Lines below containing the word "direction" should be copied out.

BEGIN Information given

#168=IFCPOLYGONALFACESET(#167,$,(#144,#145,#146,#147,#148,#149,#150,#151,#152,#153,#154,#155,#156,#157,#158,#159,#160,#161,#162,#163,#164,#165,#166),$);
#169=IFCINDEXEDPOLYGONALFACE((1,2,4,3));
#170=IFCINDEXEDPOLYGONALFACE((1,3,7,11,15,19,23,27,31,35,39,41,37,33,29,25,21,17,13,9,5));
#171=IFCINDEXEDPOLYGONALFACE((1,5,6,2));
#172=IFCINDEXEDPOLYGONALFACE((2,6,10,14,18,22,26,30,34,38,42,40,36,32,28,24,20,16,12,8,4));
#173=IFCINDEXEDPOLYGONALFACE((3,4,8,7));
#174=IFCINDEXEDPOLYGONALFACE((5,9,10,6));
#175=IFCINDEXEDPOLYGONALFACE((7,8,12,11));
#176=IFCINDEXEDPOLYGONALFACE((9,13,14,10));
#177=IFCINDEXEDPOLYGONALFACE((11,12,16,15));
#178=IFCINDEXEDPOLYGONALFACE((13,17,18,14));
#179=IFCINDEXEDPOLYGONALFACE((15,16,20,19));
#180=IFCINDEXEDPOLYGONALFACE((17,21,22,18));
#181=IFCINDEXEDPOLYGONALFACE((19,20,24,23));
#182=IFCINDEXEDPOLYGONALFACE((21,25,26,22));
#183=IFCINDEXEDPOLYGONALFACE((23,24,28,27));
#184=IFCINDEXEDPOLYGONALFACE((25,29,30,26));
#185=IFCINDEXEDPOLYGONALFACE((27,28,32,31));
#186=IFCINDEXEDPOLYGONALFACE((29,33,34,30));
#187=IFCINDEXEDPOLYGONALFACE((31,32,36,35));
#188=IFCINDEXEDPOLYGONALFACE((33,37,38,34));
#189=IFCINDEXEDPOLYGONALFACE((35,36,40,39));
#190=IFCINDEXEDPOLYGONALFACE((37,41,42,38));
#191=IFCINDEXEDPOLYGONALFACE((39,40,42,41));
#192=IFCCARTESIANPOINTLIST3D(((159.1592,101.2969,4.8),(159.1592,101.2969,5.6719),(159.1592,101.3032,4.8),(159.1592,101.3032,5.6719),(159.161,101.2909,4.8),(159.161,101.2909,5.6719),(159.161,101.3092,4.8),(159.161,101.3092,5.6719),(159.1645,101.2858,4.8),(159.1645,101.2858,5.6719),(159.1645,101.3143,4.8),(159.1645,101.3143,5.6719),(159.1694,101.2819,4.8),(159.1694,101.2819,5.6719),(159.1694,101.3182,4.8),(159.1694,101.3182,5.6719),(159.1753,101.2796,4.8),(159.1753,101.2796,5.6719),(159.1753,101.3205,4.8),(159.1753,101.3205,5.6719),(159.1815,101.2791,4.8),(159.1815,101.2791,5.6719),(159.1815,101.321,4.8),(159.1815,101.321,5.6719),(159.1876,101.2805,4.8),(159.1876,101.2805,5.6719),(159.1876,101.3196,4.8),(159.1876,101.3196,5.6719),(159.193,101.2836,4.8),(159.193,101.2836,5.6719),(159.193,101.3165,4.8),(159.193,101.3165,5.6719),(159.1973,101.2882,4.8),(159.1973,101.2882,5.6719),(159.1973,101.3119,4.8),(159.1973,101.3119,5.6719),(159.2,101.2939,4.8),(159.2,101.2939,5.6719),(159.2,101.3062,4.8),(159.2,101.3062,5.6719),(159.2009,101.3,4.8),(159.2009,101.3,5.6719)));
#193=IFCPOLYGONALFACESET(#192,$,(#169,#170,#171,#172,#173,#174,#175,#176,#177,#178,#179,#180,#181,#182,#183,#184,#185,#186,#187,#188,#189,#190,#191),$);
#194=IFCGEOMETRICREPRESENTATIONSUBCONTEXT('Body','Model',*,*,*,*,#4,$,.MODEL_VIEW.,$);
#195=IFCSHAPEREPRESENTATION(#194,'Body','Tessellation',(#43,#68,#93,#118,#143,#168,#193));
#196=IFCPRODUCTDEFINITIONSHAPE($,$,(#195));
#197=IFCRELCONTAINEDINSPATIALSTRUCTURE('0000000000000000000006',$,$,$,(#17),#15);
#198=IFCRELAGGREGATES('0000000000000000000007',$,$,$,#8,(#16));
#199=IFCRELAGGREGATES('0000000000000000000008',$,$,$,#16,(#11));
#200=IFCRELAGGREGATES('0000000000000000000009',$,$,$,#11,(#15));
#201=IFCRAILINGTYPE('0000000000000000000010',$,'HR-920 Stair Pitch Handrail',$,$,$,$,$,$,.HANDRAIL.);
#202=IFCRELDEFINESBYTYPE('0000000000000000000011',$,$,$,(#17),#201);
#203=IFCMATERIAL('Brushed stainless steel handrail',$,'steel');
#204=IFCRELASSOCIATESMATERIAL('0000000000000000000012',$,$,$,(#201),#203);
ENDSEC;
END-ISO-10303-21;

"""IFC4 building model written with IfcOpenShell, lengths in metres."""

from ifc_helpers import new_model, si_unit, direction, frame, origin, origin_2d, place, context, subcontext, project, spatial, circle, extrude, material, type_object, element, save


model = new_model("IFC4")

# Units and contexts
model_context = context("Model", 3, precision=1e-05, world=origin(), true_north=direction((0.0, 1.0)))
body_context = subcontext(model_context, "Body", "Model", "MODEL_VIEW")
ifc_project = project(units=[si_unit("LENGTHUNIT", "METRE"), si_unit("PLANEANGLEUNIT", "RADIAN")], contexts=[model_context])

END Information given
BEGIN Information given

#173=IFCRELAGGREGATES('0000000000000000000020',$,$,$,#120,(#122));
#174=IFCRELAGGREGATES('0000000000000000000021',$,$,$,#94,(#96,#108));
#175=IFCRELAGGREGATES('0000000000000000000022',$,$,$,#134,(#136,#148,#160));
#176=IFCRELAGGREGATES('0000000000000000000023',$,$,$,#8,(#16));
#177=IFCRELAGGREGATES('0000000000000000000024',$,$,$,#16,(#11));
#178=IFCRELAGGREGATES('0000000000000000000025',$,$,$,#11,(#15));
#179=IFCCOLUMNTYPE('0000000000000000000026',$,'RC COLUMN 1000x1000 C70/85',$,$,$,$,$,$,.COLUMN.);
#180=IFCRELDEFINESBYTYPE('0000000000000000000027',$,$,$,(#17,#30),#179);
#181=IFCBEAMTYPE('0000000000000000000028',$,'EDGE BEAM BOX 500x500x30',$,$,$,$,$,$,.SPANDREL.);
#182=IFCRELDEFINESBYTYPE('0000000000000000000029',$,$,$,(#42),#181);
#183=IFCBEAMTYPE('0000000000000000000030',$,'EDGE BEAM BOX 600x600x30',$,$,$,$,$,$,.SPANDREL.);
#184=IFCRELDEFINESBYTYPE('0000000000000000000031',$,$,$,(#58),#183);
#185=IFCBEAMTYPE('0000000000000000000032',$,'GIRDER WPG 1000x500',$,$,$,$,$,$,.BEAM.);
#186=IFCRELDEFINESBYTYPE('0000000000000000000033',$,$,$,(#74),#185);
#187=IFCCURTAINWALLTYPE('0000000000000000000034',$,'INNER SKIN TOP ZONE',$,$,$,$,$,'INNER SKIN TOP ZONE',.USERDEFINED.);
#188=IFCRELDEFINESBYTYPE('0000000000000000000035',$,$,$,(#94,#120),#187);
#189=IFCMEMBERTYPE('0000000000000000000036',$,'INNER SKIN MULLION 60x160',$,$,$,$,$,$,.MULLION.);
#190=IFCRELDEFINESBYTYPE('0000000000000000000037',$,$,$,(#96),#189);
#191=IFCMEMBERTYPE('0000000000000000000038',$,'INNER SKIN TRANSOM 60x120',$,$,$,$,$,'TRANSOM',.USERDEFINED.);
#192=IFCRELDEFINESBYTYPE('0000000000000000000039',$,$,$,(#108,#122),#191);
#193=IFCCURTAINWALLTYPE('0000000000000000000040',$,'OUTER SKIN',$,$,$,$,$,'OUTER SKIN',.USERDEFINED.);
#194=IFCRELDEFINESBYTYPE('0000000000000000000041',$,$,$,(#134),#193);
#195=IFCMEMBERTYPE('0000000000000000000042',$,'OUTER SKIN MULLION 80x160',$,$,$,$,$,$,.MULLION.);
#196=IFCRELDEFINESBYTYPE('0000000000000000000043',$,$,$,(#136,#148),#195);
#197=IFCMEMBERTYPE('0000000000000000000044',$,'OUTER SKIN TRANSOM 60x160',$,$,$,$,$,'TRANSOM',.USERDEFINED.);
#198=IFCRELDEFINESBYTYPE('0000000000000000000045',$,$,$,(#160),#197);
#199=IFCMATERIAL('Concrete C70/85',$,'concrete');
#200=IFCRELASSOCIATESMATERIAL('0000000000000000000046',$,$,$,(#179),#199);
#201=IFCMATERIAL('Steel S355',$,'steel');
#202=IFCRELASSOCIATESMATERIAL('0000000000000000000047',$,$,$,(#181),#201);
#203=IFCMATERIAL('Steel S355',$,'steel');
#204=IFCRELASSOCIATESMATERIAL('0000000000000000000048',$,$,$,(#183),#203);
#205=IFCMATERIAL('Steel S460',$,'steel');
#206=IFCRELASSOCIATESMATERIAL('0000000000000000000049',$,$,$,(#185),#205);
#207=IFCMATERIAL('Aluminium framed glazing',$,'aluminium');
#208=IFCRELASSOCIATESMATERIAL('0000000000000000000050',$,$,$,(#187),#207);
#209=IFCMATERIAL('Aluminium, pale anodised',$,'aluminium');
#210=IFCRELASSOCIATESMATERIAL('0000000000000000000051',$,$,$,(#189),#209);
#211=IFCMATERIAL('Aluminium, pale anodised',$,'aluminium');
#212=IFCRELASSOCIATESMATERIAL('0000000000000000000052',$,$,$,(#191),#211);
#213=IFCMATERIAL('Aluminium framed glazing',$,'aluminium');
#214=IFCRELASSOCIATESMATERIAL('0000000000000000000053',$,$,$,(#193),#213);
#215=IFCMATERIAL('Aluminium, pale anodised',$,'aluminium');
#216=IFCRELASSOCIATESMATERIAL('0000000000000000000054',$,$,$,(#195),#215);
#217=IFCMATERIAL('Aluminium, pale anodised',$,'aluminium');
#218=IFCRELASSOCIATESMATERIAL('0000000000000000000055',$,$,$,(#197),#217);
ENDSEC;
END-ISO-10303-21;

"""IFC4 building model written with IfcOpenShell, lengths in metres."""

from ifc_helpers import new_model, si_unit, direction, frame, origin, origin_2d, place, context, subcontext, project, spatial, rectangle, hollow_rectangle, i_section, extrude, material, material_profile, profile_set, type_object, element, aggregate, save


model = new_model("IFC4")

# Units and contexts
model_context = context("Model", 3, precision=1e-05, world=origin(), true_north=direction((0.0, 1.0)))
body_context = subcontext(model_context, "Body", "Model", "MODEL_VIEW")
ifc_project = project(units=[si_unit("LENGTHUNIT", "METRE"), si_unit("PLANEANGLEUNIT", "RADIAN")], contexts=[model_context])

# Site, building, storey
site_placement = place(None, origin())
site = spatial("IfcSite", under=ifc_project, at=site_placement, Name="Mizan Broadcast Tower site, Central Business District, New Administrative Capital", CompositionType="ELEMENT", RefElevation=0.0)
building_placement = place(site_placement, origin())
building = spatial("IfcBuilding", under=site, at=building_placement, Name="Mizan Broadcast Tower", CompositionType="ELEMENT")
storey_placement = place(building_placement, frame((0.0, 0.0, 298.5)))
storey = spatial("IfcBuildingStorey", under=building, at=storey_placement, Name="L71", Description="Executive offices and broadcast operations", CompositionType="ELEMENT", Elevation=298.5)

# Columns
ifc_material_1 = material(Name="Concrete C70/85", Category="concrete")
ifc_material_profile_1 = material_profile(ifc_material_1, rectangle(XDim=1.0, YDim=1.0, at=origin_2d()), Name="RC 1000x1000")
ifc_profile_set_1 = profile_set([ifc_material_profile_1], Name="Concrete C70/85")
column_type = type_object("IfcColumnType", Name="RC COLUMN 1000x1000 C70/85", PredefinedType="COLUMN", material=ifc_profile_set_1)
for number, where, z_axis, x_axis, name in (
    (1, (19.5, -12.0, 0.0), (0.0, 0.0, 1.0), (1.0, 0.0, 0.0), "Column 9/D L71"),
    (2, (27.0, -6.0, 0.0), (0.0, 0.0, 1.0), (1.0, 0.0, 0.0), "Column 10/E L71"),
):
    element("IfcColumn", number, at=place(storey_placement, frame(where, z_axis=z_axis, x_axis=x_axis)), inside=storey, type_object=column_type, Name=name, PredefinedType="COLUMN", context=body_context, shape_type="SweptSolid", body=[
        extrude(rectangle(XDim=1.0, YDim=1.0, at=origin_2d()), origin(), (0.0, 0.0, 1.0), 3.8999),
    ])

END Information given

**Response for this exercise:**
from ifc_helpers import new_model, si_unit, direction, frame, origin, origin_2d, place, context, subcontext, project, spatial, circle, extrude, material, type_object, element, save
model_context = context("Model", 3, precision=1e-05, world=origin(), true_north=direction((0.0, 1.0)))
from ifc_helpers import new_model, si_unit, direction, frame, origin, origin_2d, place, context, subcontext, project, spatial, rectangle, hollow_rectangle, i_section, extrude, material, material_profile, profile_set, type_object, element, aggregate, save
model_context = context("Model", 3, precision=1e-05, world=origin(), true_north=direction((0.0, 1.0)))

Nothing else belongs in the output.